- [WHAT THE TASK ASKS] Provide again, from the entries below, every line from the one containing "#207=IFCMATERIALLAYERSET((#206),'Podium stair flight" through the one containing "building model written", exactly as written, and no other line.

- [PROVIDED RECORDS]
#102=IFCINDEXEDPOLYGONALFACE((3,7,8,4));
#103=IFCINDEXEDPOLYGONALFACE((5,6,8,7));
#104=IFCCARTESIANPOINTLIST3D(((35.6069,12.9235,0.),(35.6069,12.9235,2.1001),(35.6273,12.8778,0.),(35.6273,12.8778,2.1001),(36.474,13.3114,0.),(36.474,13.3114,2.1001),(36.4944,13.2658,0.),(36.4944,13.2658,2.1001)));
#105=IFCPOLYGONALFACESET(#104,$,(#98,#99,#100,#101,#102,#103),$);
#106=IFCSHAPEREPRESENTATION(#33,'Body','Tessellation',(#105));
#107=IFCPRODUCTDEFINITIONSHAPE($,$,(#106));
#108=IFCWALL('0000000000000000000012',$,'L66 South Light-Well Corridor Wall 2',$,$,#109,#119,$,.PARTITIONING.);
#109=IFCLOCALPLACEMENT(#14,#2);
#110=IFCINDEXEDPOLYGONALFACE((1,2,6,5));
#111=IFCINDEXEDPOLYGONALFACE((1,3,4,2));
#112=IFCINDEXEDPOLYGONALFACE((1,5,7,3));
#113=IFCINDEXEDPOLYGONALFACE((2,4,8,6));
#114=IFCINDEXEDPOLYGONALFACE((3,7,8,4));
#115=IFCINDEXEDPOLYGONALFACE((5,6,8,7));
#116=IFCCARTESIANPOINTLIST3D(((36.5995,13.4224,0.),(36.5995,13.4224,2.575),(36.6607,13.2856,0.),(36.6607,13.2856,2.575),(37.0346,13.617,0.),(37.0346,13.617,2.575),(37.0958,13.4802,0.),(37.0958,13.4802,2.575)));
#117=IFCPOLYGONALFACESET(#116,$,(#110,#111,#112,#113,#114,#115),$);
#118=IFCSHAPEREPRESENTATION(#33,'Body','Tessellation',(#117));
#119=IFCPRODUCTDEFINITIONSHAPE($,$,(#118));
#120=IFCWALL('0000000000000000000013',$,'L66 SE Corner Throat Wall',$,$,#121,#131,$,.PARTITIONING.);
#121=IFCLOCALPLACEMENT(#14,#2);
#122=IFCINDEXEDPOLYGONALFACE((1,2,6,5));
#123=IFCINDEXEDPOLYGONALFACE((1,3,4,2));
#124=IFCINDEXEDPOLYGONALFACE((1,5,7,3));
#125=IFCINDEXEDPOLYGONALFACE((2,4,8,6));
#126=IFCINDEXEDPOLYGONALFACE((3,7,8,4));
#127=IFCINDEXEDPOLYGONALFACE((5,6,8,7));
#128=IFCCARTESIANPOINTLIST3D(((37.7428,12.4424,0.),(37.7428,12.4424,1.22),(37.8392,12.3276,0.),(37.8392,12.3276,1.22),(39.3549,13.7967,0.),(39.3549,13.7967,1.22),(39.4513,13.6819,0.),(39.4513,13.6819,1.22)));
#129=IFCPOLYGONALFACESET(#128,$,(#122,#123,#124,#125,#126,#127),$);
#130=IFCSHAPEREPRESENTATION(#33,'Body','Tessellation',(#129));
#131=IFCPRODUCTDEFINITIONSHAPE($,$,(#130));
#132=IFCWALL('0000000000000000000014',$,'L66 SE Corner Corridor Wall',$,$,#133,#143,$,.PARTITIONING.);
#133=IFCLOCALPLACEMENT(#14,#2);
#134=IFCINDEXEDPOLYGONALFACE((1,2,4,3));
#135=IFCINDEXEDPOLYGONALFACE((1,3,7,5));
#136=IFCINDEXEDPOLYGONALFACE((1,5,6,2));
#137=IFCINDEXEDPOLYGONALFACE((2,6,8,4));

...

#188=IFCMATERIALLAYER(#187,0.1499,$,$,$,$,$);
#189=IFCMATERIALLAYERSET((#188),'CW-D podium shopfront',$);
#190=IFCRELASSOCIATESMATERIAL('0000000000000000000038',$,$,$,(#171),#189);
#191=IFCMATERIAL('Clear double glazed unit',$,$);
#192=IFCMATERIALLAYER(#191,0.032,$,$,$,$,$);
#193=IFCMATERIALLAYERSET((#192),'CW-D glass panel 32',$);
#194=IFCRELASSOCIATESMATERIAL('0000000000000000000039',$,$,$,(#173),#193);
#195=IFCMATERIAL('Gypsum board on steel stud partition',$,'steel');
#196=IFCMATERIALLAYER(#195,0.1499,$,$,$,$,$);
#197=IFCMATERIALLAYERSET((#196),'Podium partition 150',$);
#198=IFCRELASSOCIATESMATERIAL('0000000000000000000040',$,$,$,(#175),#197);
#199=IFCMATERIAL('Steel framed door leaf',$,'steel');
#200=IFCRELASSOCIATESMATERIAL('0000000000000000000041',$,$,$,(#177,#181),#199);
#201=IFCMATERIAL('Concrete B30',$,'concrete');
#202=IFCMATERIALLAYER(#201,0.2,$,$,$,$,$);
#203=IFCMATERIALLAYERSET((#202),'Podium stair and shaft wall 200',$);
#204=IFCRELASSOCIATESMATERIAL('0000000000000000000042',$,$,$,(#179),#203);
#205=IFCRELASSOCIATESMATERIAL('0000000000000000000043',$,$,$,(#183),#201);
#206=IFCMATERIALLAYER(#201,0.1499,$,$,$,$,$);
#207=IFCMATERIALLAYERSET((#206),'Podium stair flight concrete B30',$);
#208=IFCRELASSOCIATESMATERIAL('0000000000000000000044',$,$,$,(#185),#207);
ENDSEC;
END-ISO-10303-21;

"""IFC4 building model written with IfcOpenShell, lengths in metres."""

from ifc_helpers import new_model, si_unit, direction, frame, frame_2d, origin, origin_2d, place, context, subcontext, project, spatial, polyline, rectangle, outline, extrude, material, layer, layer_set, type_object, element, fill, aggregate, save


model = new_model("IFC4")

- [TASK OUTPUT]
#207=IFCMATERIALLAYERSET((#206),'Podium stair flight concrete B30',$);
#208=IFCRELASSOCIATESMATERIAL('0000000000000000000044',$,$,$,(#185),#207);
ENDSEC;
END-ISO-10303-21;

"""IFC4 building model written with IfcOpenShell, lengths in metres."""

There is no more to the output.